(Saved data entries)
= = = =

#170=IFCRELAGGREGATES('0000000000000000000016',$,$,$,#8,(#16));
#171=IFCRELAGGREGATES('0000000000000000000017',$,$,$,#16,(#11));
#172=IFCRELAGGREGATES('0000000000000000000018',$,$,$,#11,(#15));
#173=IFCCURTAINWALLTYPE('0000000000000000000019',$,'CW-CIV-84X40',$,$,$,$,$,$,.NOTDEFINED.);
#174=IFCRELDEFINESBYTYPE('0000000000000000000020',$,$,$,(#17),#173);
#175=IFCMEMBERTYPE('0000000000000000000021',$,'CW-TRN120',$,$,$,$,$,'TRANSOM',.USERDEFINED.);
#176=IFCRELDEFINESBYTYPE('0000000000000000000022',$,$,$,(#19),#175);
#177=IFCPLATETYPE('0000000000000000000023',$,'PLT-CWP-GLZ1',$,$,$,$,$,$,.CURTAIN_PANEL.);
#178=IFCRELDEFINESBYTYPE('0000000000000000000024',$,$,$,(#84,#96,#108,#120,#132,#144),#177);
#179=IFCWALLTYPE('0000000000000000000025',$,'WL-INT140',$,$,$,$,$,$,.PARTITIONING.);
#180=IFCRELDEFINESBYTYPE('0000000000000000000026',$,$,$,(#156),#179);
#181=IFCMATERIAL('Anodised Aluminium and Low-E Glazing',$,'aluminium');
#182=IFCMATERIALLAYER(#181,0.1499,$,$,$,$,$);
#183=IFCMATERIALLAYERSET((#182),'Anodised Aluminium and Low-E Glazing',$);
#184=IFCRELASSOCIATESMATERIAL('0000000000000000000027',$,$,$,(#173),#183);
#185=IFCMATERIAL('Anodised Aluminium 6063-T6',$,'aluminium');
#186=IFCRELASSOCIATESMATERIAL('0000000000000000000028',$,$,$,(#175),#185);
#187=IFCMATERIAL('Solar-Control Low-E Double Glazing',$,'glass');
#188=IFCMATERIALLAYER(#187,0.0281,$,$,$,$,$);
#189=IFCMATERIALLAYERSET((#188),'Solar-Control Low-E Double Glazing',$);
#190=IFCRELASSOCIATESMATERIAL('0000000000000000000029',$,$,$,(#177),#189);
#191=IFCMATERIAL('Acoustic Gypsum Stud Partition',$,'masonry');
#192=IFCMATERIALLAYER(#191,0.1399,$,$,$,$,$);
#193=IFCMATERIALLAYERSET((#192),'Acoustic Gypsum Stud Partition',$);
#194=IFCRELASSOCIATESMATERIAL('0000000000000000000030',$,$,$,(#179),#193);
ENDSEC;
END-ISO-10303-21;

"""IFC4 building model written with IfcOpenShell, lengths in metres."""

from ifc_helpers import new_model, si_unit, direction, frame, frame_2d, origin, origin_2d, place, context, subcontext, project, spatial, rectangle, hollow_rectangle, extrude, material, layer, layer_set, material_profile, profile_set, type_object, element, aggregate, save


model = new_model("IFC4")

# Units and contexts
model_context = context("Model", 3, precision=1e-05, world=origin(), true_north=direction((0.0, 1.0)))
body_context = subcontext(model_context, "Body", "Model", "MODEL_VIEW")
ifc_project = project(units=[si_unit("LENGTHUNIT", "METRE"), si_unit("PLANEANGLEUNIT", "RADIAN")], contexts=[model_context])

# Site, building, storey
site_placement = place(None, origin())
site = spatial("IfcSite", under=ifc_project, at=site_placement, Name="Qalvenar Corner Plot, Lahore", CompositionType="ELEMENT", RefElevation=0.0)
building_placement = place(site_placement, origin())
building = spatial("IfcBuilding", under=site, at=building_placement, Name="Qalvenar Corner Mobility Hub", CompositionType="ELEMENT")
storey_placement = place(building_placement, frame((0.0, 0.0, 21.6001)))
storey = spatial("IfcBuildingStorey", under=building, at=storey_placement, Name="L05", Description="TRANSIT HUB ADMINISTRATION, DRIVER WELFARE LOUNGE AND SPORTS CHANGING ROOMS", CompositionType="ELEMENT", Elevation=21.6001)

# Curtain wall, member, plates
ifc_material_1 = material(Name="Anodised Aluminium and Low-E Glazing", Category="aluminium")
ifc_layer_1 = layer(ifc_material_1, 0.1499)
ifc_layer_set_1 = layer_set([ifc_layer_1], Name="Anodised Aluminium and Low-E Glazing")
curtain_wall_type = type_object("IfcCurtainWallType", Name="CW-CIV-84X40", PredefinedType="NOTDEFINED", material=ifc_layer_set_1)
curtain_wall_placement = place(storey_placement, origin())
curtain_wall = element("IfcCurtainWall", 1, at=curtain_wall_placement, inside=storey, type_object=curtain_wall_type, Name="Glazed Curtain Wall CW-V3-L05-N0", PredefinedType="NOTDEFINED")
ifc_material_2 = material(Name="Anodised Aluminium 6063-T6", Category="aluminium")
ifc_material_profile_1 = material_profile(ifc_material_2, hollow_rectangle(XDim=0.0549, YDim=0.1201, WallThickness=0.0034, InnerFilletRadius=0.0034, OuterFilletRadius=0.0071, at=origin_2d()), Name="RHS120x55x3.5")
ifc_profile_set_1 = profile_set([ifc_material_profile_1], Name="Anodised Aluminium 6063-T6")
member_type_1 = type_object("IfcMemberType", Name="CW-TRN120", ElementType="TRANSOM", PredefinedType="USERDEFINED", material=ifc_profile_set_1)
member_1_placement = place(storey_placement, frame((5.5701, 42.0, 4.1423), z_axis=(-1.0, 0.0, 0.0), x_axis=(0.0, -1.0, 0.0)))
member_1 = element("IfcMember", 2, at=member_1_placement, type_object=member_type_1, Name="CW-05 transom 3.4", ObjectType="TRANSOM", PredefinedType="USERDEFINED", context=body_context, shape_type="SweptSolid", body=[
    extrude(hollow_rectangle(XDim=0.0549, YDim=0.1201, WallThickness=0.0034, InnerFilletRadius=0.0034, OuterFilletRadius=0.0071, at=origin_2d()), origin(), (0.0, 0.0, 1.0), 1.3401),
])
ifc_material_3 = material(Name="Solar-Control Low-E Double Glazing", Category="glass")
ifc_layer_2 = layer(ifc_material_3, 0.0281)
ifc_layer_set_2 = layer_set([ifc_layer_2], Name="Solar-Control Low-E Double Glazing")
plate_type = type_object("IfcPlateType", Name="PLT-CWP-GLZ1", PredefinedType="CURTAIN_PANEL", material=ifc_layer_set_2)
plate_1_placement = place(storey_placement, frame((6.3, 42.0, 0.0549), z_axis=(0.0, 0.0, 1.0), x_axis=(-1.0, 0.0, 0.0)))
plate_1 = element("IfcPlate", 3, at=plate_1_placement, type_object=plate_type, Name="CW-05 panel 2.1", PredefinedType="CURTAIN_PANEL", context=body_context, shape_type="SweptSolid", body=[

= = = =

**Problem to work on:**
Both the first line of the records above and the line containing "#172=IFCRELAGGREGATES('0000000000000000000018',$,$,$,#11,(#15));" are to be transcribed exactly, together with every line between them, and nothing else.

**Written solution:**
#170=IFCRELAGGREGATES('0000000000000000000016',$,$,$,#8,(#16));
#171=IFCRELAGGREGATES('0000000000000000000017',$,$,$,#16,(#11));
#172=IFCRELAGGREGATES('0000000000000000000018',$,$,$,#11,(#15));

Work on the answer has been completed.